[[ Data to use, beginning ]]

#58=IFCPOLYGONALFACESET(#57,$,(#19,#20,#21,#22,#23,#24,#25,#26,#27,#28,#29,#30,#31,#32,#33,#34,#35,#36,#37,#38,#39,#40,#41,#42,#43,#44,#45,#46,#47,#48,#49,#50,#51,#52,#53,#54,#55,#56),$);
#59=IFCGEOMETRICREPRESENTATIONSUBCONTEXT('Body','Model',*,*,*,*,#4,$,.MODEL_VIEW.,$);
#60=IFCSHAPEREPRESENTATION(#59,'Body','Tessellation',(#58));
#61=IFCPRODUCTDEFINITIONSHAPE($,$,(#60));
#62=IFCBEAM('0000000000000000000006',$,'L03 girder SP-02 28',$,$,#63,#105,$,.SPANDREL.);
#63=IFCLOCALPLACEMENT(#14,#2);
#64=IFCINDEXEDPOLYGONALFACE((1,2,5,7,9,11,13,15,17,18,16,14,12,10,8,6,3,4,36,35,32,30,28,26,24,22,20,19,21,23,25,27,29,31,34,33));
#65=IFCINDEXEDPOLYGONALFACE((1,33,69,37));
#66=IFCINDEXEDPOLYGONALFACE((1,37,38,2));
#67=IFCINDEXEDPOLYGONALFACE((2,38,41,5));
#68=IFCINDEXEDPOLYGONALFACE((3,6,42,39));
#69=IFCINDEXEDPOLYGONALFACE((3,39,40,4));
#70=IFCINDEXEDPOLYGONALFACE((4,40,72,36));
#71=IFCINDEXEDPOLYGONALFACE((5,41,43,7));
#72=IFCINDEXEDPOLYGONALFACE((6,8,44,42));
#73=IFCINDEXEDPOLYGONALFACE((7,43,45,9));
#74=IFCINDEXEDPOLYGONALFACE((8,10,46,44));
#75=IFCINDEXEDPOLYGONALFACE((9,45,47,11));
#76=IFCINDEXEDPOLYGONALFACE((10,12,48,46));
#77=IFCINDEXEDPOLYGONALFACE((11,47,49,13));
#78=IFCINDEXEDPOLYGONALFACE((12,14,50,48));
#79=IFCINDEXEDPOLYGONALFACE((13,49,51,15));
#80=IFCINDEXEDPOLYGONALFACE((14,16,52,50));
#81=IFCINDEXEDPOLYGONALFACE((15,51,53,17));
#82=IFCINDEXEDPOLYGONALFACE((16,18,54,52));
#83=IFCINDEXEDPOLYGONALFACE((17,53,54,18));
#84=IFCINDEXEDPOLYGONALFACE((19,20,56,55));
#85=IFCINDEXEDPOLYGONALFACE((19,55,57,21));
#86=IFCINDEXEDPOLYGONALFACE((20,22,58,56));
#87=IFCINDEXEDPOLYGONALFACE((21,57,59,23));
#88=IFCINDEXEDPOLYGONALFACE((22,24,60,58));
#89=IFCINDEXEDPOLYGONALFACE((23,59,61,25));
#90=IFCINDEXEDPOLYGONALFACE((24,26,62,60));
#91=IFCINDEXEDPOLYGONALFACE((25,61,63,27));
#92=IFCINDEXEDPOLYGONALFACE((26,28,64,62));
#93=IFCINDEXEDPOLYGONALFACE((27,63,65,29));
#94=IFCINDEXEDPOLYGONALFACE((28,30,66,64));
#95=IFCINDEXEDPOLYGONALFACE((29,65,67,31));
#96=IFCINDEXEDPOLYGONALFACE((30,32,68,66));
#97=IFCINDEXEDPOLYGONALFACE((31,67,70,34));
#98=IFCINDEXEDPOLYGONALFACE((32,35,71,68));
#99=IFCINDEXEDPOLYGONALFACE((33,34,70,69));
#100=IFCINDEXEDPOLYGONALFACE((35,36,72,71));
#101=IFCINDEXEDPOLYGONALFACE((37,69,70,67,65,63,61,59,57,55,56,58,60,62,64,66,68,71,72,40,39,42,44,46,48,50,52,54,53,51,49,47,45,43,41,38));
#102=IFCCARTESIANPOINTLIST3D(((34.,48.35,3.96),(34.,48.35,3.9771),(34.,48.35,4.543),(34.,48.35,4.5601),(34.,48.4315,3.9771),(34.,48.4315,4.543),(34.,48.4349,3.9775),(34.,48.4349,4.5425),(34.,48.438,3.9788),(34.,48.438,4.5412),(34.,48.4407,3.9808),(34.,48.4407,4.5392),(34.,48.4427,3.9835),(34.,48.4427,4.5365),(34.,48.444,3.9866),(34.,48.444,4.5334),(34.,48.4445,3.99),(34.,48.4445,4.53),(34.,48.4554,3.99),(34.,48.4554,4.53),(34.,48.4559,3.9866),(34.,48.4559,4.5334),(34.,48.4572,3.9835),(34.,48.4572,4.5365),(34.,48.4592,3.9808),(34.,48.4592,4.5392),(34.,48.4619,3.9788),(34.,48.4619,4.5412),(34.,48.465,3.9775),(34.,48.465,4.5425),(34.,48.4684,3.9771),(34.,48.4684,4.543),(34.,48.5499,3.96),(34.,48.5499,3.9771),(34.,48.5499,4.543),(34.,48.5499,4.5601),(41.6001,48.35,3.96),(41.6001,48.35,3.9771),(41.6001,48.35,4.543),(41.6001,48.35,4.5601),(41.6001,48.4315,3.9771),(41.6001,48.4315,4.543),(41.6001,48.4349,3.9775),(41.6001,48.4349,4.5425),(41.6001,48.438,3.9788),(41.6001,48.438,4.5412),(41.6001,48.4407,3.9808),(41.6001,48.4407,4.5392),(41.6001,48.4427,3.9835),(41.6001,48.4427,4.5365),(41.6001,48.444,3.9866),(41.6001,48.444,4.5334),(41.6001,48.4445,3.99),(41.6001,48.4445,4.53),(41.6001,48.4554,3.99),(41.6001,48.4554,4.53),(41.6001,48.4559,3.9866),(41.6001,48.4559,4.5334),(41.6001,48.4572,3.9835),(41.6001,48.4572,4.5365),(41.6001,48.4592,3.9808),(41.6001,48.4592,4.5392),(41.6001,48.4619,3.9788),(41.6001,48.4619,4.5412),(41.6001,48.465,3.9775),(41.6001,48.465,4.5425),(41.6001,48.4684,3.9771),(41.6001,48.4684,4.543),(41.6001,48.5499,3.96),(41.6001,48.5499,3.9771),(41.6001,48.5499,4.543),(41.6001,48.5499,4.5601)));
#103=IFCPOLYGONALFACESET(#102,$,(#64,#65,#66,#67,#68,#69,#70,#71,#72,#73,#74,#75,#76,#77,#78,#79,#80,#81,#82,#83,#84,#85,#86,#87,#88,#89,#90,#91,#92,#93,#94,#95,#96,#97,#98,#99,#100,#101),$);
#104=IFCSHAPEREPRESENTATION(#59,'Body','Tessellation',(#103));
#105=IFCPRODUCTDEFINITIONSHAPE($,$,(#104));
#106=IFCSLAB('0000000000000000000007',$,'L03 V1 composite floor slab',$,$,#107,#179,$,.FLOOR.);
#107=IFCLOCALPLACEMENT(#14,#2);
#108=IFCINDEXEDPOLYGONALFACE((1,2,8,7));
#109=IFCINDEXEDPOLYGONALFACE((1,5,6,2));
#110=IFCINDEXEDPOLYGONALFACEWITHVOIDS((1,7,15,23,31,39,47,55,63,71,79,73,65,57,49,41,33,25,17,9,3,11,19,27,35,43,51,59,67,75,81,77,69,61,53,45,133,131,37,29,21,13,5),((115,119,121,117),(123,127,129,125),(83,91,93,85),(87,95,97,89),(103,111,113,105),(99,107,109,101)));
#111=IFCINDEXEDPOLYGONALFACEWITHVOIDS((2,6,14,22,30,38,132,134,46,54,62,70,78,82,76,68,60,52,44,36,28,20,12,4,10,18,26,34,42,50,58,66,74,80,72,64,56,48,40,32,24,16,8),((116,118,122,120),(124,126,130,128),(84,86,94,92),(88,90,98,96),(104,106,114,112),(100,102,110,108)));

[[ Data to use, end ]]

» Task instructions
Start at the first line of the data above. Stop after the line containing "#61=IFCPRODUCTDEFINITIONSHAPE($,$,(#60));", reproducing each line exactly and adding nothing.

» Completed exercise
#58=IFCPOLYGONALFACESET(#57,$,(#19,#20,#21,#22,#23,#24,#25,#26,#27,#28,#29,#30,#31,#32,#33,#34,#35,#36,#37,#38,#39,#40,#41,#42,#43,#44,#45,#46,#47,#48,#49,#50,#51,#52,#53,#54,#55,#56),$);
#59=IFCGEOMETRICREPRESENTATIONSUBCONTEXT('Body','Model',*,*,*,*,#4,$,.MODEL_VIEW.,$);
#60=IFCSHAPEREPRESENTATION(#59,'Body','Tessellation',(#58));
#61=IFCPRODUCTDEFINITIONSHAPE($,$,(#60));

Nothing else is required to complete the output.